Excerpted records
* * * *
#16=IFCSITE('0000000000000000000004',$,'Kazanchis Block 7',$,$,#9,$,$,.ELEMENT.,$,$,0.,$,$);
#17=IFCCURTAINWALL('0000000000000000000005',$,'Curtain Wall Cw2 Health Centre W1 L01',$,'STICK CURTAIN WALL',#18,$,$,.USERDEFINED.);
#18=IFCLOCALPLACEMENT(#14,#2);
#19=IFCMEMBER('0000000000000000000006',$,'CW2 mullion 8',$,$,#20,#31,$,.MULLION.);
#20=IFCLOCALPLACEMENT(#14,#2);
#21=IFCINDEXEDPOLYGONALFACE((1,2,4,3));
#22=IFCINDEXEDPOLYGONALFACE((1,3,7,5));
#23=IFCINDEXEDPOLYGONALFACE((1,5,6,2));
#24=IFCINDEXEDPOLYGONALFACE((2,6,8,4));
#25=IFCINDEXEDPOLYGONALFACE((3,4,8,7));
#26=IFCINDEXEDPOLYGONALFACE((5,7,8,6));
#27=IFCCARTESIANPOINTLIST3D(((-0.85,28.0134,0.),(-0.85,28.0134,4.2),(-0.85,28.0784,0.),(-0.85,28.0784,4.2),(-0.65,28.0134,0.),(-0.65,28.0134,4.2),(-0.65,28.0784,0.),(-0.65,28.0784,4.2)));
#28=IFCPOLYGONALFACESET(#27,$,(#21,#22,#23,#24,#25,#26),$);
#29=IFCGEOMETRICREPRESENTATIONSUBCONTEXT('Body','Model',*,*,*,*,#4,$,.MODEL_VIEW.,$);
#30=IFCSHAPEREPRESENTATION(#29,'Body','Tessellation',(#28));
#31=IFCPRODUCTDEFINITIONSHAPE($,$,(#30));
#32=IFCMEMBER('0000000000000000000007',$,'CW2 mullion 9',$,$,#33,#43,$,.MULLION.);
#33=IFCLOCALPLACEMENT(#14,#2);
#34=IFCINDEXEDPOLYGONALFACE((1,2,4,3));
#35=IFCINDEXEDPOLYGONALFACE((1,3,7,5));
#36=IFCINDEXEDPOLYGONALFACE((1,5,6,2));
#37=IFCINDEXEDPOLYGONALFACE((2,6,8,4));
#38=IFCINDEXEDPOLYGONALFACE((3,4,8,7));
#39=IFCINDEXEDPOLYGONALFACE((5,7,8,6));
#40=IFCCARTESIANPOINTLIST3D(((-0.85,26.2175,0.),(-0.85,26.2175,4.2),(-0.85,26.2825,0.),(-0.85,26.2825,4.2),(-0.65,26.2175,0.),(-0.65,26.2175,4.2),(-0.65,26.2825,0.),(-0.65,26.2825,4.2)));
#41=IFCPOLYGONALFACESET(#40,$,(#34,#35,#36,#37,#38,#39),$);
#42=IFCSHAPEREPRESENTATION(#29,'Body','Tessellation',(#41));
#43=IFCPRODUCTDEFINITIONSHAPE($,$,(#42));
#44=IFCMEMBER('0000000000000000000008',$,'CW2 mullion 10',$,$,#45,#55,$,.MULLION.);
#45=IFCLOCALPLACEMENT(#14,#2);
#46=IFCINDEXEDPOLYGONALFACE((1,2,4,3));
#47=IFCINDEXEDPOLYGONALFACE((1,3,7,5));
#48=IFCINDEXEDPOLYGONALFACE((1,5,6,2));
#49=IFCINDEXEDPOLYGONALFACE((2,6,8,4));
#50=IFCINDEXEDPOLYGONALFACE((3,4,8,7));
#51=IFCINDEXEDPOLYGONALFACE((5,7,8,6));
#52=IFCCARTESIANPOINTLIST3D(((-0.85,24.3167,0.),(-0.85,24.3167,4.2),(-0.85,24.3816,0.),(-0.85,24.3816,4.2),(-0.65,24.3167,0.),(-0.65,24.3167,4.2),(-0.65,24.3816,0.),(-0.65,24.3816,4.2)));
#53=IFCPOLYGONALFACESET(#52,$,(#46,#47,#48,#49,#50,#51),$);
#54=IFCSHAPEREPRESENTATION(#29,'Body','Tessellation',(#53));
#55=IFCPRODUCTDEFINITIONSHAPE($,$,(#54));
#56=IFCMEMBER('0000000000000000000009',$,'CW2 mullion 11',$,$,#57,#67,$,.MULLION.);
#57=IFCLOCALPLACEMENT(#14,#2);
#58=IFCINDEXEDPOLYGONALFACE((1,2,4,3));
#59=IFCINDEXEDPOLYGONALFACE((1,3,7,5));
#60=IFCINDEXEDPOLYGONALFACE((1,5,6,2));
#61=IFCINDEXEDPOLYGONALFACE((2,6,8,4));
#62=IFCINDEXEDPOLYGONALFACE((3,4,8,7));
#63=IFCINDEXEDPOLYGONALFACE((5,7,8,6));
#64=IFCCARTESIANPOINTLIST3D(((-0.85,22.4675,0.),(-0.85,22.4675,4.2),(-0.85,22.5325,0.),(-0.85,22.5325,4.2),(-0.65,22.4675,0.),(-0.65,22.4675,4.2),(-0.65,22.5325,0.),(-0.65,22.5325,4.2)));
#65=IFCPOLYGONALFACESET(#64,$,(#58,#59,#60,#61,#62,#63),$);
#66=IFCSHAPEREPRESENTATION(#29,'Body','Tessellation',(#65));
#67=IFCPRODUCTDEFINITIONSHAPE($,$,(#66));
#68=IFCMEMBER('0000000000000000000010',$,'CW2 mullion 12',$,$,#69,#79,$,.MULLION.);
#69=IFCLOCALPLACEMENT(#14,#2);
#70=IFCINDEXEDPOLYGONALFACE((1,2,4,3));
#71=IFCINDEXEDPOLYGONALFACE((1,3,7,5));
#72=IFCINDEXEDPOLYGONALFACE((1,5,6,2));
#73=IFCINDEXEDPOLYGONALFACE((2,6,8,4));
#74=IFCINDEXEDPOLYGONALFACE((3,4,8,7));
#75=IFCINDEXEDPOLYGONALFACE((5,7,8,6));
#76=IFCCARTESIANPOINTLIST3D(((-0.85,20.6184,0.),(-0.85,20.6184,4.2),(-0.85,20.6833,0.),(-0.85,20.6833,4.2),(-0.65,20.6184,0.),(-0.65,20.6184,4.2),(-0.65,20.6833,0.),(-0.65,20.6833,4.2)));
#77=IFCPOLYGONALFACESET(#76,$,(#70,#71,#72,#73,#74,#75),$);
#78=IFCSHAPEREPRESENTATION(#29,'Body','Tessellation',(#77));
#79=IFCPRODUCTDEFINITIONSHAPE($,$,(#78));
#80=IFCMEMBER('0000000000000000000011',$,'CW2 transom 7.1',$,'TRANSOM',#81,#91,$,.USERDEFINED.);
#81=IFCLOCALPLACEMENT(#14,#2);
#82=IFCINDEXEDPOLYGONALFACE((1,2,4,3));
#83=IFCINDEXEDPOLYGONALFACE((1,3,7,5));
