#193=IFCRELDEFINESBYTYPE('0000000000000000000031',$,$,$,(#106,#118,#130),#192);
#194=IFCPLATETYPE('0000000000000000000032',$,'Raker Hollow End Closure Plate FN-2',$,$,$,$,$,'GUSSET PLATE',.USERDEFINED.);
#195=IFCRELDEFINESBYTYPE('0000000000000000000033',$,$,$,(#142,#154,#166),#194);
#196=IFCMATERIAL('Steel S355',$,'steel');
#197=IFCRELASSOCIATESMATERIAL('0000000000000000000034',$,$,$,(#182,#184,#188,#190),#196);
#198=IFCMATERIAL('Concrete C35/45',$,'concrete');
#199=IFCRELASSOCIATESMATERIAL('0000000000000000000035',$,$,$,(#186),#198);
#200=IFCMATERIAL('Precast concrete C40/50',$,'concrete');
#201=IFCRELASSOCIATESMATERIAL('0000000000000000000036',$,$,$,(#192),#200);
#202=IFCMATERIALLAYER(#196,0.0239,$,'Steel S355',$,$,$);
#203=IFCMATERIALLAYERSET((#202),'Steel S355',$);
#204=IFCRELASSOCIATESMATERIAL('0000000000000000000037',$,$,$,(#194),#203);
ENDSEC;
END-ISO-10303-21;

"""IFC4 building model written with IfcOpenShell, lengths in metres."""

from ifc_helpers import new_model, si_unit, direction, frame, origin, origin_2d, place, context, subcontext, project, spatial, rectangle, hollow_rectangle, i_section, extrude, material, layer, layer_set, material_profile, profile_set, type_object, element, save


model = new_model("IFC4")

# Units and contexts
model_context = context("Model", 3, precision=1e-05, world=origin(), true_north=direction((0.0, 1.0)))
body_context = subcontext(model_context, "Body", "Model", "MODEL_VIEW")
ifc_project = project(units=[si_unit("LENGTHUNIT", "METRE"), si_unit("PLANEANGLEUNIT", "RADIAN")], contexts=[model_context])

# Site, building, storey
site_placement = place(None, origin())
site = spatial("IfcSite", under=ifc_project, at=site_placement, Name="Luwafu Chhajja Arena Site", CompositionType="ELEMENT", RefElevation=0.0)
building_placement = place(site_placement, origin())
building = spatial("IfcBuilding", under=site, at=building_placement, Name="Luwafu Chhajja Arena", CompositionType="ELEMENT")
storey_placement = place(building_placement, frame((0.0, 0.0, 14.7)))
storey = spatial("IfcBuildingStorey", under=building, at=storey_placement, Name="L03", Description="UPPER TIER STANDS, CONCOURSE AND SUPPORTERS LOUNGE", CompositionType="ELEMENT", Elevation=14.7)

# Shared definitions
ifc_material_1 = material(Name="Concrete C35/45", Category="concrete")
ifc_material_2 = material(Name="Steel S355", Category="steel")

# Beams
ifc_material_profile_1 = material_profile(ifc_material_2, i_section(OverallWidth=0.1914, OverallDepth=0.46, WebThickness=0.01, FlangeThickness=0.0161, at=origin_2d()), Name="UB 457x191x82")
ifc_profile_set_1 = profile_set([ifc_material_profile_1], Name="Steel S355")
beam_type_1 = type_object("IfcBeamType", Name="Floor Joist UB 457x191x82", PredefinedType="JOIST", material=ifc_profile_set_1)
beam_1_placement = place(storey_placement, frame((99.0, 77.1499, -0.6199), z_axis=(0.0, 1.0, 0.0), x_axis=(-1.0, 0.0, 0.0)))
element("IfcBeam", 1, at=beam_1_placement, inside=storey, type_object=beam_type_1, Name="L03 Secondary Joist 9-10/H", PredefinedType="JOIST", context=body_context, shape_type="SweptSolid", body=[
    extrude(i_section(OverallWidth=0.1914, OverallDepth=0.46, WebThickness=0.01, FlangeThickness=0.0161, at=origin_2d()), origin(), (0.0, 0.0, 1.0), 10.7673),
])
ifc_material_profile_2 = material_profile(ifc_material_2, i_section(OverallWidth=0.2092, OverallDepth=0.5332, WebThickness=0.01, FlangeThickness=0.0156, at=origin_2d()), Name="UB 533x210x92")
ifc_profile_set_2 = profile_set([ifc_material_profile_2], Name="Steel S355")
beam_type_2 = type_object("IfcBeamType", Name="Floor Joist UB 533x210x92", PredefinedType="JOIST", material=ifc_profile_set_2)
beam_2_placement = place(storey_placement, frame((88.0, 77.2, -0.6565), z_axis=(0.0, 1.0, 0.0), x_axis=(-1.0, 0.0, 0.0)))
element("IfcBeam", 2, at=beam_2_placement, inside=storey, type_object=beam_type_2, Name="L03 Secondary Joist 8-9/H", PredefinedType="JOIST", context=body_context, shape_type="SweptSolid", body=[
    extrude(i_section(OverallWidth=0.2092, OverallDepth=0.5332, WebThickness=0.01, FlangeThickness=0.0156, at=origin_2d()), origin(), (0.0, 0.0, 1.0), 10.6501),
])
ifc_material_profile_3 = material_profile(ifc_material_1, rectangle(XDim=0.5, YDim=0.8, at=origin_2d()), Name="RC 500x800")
* * * *
Only the lines that contain the string "Secondary" should be copied from the entries above.

Solution to this problem
element("IfcBeam", 1, at=beam_1_placement, inside=storey, type_object=beam_type_1, Name="L03 Secondary Joist 9-10/H", PredefinedType="JOIST", context=body_context, shape_type="SweptSolid", body=[
element("IfcBeam", 2, at=beam_2_placement, inside=storey, type_object=beam_type_2, Name="L03 Secondary Joist 8-9/H", PredefinedType="JOIST", context=body_context, shape_type="SweptSolid", body=[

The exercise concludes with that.